- **Directions**
Repeat word for word every line of the data below, from the first through the line containing "#172=IFCWALLTYPE('0000000000000000000029',$,'Core wall 450", and stop there.

- **Available records**
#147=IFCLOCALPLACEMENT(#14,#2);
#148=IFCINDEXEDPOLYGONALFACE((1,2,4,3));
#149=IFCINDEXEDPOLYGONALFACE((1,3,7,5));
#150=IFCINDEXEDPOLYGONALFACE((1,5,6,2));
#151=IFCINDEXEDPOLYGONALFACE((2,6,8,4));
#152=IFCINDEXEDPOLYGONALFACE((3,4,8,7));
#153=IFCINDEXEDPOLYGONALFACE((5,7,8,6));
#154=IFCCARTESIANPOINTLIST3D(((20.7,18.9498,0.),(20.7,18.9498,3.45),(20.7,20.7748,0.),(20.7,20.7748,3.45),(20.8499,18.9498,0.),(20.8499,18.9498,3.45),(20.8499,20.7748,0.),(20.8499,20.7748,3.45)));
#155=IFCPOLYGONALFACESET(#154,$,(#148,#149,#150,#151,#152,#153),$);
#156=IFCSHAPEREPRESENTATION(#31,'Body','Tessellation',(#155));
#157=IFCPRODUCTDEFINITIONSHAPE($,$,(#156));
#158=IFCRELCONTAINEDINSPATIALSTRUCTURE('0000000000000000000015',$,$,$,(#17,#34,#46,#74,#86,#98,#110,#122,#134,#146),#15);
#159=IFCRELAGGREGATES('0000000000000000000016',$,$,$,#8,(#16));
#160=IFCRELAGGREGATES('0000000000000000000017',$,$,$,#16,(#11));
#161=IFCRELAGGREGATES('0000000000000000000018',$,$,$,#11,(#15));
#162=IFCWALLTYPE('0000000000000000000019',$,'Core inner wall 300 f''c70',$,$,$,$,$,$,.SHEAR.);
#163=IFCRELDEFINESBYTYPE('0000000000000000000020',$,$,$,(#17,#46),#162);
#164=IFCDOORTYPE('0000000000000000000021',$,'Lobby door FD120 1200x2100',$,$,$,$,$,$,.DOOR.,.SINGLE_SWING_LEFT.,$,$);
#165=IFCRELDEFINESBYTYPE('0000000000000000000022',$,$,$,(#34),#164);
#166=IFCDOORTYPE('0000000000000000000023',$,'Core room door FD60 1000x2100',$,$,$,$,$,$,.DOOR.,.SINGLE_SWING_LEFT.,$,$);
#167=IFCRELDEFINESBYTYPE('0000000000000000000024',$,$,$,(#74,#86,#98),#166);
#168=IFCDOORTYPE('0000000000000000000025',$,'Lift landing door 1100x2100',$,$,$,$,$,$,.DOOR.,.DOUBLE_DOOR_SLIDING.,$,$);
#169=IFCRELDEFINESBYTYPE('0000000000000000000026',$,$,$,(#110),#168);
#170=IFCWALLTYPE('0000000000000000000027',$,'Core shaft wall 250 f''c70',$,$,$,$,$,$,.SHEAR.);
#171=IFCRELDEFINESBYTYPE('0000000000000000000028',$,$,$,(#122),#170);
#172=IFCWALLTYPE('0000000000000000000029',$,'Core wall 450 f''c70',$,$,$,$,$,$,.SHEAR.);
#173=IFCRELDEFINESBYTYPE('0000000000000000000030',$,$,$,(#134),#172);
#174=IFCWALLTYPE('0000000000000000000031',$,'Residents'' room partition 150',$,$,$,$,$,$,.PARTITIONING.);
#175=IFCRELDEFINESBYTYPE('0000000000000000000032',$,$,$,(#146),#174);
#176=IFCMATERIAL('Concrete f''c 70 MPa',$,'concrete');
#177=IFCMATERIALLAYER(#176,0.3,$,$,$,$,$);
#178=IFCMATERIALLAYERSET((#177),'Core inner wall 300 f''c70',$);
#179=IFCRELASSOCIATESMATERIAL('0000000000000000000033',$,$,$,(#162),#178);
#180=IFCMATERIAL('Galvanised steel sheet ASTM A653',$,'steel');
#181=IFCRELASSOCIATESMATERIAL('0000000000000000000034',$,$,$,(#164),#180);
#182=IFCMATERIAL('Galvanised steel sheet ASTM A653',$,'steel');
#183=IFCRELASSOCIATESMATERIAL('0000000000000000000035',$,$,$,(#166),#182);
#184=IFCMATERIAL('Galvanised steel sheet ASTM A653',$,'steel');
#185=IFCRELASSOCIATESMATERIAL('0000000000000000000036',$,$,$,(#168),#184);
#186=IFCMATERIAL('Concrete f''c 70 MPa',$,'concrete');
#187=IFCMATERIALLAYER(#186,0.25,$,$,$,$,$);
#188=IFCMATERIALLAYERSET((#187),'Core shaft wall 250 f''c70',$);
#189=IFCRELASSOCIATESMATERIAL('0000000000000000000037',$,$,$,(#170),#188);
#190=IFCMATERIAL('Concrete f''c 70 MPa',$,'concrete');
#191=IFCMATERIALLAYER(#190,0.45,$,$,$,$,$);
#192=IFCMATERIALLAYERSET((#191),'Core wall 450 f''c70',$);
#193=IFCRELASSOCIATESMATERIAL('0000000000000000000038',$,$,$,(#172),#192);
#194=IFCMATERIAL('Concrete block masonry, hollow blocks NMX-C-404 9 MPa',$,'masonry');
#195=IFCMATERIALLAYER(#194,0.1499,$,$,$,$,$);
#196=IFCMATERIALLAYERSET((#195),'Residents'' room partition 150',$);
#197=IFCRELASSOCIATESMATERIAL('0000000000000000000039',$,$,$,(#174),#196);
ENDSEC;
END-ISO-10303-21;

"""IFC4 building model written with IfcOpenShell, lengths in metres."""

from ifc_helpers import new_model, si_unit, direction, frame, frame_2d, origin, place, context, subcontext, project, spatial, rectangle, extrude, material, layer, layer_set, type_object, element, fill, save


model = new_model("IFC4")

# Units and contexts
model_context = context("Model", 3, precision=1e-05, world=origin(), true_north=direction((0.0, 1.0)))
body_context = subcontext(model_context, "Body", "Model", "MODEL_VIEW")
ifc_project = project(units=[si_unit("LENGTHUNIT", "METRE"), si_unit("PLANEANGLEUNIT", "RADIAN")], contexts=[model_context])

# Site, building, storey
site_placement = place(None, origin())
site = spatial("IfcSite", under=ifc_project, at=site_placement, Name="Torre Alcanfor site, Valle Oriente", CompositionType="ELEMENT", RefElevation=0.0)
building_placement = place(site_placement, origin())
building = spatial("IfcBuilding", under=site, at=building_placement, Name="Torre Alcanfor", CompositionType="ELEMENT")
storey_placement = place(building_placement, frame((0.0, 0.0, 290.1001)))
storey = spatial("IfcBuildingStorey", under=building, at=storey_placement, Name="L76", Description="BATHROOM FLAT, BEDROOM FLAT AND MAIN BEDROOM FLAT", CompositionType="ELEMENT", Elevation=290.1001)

- **Answer for the task**
#147=IFCLOCALPLACEMENT(#14,#2);
#148=IFCINDEXEDPOLYGONALFACE((1,2,4,3));
#149=IFCINDEXEDPOLYGONALFACE((1,3,7,5));
#150=IFCINDEXEDPOLYGONALFACE((1,5,6,2));
#151=IFCINDEXEDPOLYGONALFACE((2,6,8,4));
#152=IFCINDEXEDPOLYGONALFACE((3,4,8,7));
#153=IFCINDEXEDPOLYGONALFACE((5,7,8,6));
#154=IFCCARTESIANPOINTLIST3D(((20.7,18.9498,0.),(20.7,18.9498,3.45),(20.7,20.7748,0.),(20.7,20.7748,3.45),(20.8499,18.9498,0.),(20.8499,18.9498,3.45),(20.8499,20.7748,0.),(20.8499,20.7748,3.45)));
#155=IFCPOLYGONALFACESET(#154,$,(#148,#149,#150,#151,#152,#153),$);
#156=IFCSHAPEREPRESENTATION(#31,'Body','Tessellation',(#155));
#157=IFCPRODUCTDEFINITIONSHAPE($,$,(#156));
#158=IFCRELCONTAINEDINSPATIALSTRUCTURE('0000000000000000000015',$,$,$,(#17,#34,#46,#74,#86,#98,#110,#122,#134,#146),#15);
#159=IFCRELAGGREGATES('0000000000000000000016',$,$,$,#8,(#16));
#160=IFCRELAGGREGATES('0000000000000000000017',$,$,$,#16,(#11));
#161=IFCRELAGGREGATES('0000000000000000000018',$,$,$,#11,(#15));
#162=IFCWALLTYPE('0000000000000000000019',$,'Core inner wall 300 f''c70',$,$,$,$,$,$,.SHEAR.);
#163=IFCRELDEFINESBYTYPE('0000000000000000000020',$,$,$,(#17,#46),#162);
#164=IFCDOORTYPE('0000000000000000000021',$,'Lobby door FD120 1200x2100',$,$,$,$,$,$,.DOOR.,.SINGLE_SWING_LEFT.,$,$);
#165=IFCRELDEFINESBYTYPE('0000000000000000000022',$,$,$,(#34),#164);
#166=IFCDOORTYPE('0000000000000000000023',$,'Core room door FD60 1000x2100',$,$,$,$,$,$,.DOOR.,.SINGLE_SWING_LEFT.,$,$);
#167=IFCRELDEFINESBYTYPE('0000000000000000000024',$,$,$,(#74,#86,#98),#166);
#168=IFCDOORTYPE('0000000000000000000025',$,'Lift landing door 1100x2100',$,$,$,$,$,$,.DOOR.,.DOUBLE_DOOR_SLIDING.,$,$);
#169=IFCRELDEFINESBYTYPE('0000000000000000000026',$,$,$,(#110),#168);
#170=IFCWALLTYPE('0000000000000000000027',$,'Core shaft wall 250 f''c70',$,$,$,$,$,$,.SHEAR.);
#171=IFCRELDEFINESBYTYPE('0000000000000000000028',$,$,$,(#122),#170);
#172=IFCWALLTYPE('0000000000000000000029',$,'Core wall 450 f''c70',$,$,$,$,$,$,.SHEAR.);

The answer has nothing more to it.